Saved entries
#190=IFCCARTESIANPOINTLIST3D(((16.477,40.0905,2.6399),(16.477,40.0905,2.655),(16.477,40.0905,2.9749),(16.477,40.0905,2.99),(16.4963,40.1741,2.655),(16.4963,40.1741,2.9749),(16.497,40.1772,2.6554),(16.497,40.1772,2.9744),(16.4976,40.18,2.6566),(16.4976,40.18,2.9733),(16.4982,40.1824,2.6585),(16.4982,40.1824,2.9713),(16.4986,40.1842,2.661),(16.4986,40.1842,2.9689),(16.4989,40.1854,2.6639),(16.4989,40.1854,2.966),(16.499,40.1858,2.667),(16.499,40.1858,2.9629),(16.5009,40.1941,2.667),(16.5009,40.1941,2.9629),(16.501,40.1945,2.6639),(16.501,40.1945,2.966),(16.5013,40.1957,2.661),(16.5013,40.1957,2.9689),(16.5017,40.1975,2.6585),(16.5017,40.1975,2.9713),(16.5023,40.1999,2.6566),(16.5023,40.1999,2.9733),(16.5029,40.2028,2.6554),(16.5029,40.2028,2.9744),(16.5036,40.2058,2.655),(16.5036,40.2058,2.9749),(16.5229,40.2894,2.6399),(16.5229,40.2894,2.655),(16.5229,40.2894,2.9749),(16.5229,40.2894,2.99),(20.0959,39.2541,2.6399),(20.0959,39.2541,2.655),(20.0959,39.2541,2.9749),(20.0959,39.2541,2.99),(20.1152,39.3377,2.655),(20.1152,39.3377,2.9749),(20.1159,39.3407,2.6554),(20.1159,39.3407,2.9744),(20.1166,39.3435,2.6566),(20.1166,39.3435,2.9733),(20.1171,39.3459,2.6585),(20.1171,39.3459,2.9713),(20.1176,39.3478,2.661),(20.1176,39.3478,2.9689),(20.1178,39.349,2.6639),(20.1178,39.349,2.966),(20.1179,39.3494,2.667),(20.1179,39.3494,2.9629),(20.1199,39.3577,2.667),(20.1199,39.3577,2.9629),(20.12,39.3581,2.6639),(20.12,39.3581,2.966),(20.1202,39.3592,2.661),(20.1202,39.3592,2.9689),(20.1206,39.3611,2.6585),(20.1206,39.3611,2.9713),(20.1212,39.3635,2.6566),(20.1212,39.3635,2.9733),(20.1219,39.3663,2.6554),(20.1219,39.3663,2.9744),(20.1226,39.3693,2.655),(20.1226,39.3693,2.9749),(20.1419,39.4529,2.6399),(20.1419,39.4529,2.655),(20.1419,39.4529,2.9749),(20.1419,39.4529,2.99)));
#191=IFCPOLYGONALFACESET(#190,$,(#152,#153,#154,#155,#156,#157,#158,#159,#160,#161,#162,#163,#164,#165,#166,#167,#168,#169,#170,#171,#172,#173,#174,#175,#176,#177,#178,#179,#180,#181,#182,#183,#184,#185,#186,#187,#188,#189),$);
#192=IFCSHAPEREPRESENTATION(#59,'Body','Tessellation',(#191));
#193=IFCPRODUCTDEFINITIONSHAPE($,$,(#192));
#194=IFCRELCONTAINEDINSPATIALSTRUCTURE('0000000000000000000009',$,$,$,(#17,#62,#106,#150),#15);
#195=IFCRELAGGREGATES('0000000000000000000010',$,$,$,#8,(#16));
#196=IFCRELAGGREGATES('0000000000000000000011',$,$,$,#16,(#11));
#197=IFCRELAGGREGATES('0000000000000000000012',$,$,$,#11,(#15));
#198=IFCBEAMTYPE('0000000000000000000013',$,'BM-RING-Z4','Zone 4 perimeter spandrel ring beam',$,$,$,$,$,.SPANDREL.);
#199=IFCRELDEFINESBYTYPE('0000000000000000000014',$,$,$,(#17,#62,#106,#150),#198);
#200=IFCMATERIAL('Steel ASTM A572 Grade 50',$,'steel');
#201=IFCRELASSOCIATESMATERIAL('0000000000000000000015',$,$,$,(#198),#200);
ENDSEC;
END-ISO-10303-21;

▶ Assignment
In full and word for word, set down the records shown above.

▶ Result for this exercise
#190=IFCCARTESIANPOINTLIST3D(((16.477,40.0905,2.6399),(16.477,40.0905,2.655),(16.477,40.0905,2.9749),(16.477,40.0905,2.99),(16.4963,40.1741,2.655),(16.4963,40.1741,2.9749),(16.497,40.1772,2.6554),(16.497,40.1772,2.9744),(16.4976,40.18,2.6566),(16.4976,40.18,2.9733),(16.4982,40.1824,2.6585),(16.4982,40.1824,2.9713),(16.4986,40.1842,2.661),(16.4986,40.1842,2.9689),(16.4989,40.1854,2.6639),(16.4989,40.1854,2.966),(16.499,40.1858,2.667),(16.499,40.1858,2.9629),(16.5009,40.1941,2.667),(16.5009,40.1941,2.9629),(16.501,40.1945,2.6639),(16.501,40.1945,2.966),(16.5013,40.1957,2.661),(16.5013,40.1957,2.9689),(16.5017,40.1975,2.6585),(16.5017,40.1975,2.9713),(16.5023,40.1999,2.6566),(16.5023,40.1999,2.9733),(16.5029,40.2028,2.6554),(16.5029,40.2028,2.9744),(16.5036,40.2058,2.655),(16.5036,40.2058,2.9749),(16.5229,40.2894,2.6399),(16.5229,40.2894,2.655),(16.5229,40.2894,2.9749),(16.5229,40.2894,2.99),(20.0959,39.2541,2.6399),(20.0959,39.2541,2.655),(20.0959,39.2541,2.9749),(20.0959,39.2541,2.99),(20.1152,39.3377,2.655),(20.1152,39.3377,2.9749),(20.1159,39.3407,2.6554),(20.1159,39.3407,2.9744),(20.1166,39.3435,2.6566),(20.1166,39.3435,2.9733),(20.1171,39.3459,2.6585),(20.1171,39.3459,2.9713),(20.1176,39.3478,2.661),(20.1176,39.3478,2.9689),(20.1178,39.349,2.6639),(20.1178,39.349,2.966),(20.1179,39.3494,2.667),(20.1179,39.3494,2.9629),(20.1199,39.3577,2.667),(20.1199,39.3577,2.9629),(20.12,39.3581,2.6639),(20.12,39.3581,2.966),(20.1202,39.3592,2.661),(20.1202,39.3592,2.9689),(20.1206,39.3611,2.6585),(20.1206,39.3611,2.9713),(20.1212,39.3635,2.6566),(20.1212,39.3635,2.9733),(20.1219,39.3663,2.6554),(20.1219,39.3663,2.9744),(20.1226,39.3693,2.655),(20.1226,39.3693,2.9749),(20.1419,39.4529,2.6399),(20.1419,39.4529,2.655),(20.1419,39.4529,2.9749),(20.1419,39.4529,2.99)));
#191=IFCPOLYGONALFACESET(#190,$,(#152,#153,#154,#155,#156,#157,#158,#159,#160,#161,#162,#163,#164,#165,#166,#167,#168,#169,#170,#171,#172,#173,#174,#175,#176,#177,#178,#179,#180,#181,#182,#183,#184,#185,#186,#187,#188,#189),$);
#192=IFCSHAPEREPRESENTATION(#59,'Body','Tessellation',(#191));
#193=IFCPRODUCTDEFINITIONSHAPE($,$,(#192));
#194=IFCRELCONTAINEDINSPATIALSTRUCTURE('0000000000000000000009',$,$,$,(#17,#62,#106,#150),#15);
#195=IFCRELAGGREGATES('0000000000000000000010',$,$,$,#8,(#16));
#196=IFCRELAGGREGATES('0000000000000000000011',$,$,$,#16,(#11));
#197=IFCRELAGGREGATES('0000000000000000000012',$,$,$,#11,(#15));
#198=IFCBEAMTYPE('0000000000000000000013',$,'BM-RING-Z4','Zone 4 perimeter spandrel ring beam',$,$,$,$,$,.SPANDREL.);
#199=IFCRELDEFINESBYTYPE('0000000000000000000014',$,$,$,(#17,#62,#106,#150),#198);
#200=IFCMATERIAL('Steel ASTM A572 Grade 50',$,'steel');
#201=IFCRELASSOCIATESMATERIAL('0000000000000000000015',$,$,$,(#198),#200);
ENDSEC;
END-ISO-10303-21;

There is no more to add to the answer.